(Dataset items)
*** Begin section ***
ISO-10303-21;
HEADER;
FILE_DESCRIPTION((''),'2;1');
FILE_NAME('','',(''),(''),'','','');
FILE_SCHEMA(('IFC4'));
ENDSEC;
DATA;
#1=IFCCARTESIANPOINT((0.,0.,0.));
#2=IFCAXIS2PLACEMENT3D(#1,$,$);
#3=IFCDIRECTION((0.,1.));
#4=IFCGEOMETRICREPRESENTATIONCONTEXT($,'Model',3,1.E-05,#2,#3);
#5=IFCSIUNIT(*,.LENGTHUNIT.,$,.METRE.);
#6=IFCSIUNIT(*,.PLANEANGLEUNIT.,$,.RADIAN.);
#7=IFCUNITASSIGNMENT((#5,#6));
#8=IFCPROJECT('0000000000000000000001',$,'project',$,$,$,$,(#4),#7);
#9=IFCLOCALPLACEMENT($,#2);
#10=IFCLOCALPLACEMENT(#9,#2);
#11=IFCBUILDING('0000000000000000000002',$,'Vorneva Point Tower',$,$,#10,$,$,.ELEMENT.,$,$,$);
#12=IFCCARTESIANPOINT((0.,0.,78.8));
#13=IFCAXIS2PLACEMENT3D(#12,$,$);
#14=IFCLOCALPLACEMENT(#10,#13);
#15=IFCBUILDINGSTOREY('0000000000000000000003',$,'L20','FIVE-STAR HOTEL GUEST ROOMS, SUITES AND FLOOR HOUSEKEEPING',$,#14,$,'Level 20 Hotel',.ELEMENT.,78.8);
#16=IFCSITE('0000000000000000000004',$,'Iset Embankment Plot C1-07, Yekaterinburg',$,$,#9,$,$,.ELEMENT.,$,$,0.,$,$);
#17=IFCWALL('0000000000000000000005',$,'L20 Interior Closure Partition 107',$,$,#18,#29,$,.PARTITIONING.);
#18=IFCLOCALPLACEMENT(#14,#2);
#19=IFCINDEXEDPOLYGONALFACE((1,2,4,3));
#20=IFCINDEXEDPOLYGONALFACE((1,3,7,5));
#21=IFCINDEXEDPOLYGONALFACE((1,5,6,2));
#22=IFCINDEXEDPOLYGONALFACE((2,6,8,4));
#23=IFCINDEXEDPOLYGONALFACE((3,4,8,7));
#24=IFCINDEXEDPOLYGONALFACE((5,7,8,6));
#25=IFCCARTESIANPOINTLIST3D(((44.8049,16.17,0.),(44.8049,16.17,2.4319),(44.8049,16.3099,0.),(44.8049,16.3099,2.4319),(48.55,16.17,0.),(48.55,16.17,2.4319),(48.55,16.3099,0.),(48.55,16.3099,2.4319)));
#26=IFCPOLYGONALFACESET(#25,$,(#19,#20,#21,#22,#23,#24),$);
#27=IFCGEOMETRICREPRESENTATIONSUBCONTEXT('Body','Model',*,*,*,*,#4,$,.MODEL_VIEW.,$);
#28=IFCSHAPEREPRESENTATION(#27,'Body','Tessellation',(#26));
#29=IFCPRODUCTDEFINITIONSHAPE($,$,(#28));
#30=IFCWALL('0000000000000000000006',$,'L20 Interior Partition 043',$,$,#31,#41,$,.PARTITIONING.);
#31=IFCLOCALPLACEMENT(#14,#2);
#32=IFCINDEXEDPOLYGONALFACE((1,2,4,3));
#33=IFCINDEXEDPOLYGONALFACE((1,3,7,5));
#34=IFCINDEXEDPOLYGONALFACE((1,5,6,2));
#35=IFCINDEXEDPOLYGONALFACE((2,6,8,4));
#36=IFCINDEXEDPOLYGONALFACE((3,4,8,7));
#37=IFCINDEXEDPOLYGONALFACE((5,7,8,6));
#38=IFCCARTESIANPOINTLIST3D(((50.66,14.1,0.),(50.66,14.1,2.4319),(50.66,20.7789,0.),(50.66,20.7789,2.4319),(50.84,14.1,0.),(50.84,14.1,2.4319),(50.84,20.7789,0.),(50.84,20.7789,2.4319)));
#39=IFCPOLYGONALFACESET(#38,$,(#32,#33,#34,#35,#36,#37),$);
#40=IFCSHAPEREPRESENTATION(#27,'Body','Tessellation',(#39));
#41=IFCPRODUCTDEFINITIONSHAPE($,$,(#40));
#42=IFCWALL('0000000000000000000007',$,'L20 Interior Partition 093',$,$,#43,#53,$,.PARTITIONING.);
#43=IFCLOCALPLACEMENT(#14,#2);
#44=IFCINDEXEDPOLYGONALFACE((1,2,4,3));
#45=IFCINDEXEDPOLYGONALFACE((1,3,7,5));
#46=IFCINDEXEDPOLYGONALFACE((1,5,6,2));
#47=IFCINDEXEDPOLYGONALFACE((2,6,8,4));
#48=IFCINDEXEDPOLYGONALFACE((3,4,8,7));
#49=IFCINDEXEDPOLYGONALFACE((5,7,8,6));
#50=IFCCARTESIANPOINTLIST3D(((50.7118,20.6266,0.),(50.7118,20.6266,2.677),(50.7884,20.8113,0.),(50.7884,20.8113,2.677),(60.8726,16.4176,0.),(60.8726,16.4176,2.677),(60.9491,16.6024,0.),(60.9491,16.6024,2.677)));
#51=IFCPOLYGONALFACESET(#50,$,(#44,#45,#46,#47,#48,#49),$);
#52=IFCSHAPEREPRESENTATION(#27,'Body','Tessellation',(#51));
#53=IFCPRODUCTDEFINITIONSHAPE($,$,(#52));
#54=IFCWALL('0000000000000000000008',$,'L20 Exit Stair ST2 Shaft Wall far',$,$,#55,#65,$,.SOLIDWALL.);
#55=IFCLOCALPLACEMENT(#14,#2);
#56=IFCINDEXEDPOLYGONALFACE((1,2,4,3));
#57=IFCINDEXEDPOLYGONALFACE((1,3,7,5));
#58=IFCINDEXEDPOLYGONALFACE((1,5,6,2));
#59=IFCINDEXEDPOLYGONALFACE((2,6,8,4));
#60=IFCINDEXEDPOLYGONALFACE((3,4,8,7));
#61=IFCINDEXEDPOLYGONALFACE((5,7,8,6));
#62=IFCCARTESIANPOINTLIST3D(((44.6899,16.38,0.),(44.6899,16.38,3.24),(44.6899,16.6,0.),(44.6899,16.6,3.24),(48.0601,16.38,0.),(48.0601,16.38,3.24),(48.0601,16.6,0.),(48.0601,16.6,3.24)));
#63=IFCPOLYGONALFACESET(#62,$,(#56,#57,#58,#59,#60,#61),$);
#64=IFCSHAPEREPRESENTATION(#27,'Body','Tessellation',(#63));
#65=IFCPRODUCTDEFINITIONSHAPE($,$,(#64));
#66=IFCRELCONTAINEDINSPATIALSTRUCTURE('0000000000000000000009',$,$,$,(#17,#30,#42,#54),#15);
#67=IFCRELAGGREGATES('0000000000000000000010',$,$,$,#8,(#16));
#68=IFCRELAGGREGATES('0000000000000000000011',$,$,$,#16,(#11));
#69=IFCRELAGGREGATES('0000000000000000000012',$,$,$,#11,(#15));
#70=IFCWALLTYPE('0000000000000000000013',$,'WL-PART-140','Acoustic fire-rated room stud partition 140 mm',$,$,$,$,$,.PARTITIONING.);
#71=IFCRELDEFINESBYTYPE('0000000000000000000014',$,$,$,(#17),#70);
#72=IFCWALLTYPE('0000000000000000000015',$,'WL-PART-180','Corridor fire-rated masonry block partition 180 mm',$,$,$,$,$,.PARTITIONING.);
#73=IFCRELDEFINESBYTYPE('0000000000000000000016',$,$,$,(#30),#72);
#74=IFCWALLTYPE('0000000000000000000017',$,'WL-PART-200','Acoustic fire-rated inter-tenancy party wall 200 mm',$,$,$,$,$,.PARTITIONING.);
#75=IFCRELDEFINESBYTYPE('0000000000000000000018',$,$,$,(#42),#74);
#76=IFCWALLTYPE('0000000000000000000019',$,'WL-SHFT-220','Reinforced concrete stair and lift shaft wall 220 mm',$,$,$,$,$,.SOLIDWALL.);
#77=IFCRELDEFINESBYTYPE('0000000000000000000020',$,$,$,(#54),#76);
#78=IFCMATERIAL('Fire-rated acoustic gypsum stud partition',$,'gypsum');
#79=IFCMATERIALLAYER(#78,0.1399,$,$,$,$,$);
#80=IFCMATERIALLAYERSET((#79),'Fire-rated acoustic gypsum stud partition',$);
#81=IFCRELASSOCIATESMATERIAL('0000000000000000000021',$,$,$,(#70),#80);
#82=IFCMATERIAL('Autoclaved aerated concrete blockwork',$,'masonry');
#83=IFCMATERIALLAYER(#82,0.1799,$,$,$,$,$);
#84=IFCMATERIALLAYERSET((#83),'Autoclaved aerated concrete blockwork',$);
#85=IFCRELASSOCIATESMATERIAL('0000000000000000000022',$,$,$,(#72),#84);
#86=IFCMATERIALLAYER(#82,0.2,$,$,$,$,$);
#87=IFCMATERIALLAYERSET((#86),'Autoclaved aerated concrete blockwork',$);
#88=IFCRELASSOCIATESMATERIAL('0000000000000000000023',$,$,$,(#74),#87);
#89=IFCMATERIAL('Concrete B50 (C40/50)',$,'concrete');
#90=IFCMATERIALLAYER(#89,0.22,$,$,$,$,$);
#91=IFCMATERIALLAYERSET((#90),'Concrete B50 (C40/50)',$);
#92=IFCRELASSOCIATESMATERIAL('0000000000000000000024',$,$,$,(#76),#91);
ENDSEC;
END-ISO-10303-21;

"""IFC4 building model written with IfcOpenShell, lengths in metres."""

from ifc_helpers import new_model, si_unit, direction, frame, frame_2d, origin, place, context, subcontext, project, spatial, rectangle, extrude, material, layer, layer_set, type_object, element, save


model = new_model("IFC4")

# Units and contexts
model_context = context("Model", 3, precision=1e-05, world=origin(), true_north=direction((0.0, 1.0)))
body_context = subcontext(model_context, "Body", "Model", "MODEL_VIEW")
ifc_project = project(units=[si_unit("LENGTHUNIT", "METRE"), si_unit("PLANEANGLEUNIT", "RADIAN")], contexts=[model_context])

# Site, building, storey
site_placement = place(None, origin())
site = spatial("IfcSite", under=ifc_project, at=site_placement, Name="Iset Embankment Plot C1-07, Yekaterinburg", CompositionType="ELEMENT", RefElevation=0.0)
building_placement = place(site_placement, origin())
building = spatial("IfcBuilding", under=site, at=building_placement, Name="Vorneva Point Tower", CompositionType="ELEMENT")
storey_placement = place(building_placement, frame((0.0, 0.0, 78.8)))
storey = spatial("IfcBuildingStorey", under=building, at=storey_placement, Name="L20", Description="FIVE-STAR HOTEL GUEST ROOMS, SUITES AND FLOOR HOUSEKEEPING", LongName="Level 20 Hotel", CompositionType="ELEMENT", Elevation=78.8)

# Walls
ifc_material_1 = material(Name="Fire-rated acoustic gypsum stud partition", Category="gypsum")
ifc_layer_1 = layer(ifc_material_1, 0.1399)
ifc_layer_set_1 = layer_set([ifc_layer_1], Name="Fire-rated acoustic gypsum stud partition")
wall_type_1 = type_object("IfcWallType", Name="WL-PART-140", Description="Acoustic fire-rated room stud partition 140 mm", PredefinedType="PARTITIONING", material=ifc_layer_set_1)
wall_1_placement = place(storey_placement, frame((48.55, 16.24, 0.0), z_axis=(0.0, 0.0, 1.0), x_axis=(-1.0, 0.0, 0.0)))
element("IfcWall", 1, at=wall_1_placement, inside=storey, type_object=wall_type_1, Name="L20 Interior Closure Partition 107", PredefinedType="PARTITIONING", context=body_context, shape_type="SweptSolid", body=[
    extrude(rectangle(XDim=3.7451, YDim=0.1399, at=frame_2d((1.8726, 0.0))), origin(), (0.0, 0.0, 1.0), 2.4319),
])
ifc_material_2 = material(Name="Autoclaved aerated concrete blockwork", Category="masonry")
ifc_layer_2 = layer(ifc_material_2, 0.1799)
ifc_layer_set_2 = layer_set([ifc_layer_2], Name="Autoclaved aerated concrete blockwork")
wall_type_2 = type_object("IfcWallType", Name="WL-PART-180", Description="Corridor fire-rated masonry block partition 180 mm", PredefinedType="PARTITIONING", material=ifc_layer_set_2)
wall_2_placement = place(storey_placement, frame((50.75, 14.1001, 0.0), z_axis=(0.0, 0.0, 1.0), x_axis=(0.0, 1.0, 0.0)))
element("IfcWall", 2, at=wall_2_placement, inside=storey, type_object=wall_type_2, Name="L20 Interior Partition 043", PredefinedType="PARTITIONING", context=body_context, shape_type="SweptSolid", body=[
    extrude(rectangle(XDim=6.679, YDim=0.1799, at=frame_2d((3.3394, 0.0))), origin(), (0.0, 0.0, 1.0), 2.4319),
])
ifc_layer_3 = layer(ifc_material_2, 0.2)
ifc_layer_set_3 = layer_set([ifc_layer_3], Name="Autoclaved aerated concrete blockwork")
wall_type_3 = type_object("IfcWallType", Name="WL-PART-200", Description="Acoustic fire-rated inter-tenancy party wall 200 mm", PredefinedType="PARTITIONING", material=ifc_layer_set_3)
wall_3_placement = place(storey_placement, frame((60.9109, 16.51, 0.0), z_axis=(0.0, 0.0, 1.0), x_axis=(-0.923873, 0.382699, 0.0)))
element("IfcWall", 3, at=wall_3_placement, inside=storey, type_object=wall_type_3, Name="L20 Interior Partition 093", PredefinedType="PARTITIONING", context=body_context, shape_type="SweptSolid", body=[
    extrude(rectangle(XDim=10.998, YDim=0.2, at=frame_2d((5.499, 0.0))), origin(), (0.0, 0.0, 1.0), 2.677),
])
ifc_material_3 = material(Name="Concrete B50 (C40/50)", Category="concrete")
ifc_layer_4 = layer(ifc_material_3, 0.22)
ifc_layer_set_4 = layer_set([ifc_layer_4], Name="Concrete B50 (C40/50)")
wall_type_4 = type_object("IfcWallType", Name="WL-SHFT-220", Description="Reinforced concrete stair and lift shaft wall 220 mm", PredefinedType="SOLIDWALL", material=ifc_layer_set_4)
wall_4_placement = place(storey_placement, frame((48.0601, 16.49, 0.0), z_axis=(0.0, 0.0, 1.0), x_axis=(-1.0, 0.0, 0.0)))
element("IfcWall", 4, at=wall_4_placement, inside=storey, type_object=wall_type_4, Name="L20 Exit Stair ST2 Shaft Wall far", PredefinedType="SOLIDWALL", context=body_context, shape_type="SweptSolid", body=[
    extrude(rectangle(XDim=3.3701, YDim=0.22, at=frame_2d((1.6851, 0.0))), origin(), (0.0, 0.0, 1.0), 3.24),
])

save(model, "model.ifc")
*** End section ***
*** Begin section ***
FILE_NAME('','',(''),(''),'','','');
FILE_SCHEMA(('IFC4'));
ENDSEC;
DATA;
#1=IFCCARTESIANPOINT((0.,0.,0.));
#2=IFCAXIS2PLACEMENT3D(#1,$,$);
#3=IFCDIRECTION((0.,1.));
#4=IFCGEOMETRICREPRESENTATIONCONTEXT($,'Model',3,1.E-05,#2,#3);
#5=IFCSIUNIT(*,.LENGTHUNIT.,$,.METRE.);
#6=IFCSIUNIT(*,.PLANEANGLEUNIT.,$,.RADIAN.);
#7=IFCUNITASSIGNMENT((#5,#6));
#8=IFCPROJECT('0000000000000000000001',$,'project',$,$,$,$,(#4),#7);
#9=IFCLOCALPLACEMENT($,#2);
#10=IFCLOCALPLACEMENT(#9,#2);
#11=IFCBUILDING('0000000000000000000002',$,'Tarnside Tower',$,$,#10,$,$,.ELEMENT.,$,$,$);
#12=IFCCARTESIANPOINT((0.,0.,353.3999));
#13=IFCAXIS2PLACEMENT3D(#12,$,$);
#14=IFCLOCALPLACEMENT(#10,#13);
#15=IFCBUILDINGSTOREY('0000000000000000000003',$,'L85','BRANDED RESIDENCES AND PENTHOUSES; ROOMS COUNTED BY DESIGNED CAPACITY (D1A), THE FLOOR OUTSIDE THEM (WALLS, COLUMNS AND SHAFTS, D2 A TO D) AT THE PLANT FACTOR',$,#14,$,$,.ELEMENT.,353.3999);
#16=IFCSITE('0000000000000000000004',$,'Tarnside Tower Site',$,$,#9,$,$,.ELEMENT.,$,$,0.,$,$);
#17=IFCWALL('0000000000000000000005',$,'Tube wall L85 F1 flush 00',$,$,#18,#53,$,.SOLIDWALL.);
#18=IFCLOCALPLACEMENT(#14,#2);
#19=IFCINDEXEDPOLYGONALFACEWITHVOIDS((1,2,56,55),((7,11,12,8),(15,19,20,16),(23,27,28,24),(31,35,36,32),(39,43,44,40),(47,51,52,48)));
*** End section ***
● Exercise brief
Copy the lines above exactly, beginning at the line that has "#28=IFCSHAPEREPRESENTATION(#27,'Body','Tessellation',(#26));" and stopping after the line that has "#37=IFCINDEXEDPOLYGONALFACE((5,7,8,6));", and omit the rest.

● Problem solution
#28=IFCSHAPEREPRESENTATION(#27,'Body','Tessellation',(#26));
#29=IFCPRODUCTDEFINITIONSHAPE($,$,(#28));
#30=IFCWALL('0000000000000000000006',$,'L20 Interior Partition 043',$,$,#31,#41,$,.PARTITIONING.);
#31=IFCLOCALPLACEMENT(#14,#2);
#32=IFCINDEXEDPOLYGONALFACE((1,2,4,3));
#33=IFCINDEXEDPOLYGONALFACE((1,3,7,5));
#34=IFCINDEXEDPOLYGONALFACE((1,5,6,2));
#35=IFCINDEXEDPOLYGONALFACE((2,6,8,4));
#36=IFCINDEXEDPOLYGONALFACE((3,4,8,7));
#37=IFCINDEXEDPOLYGONALFACE((5,7,8,6));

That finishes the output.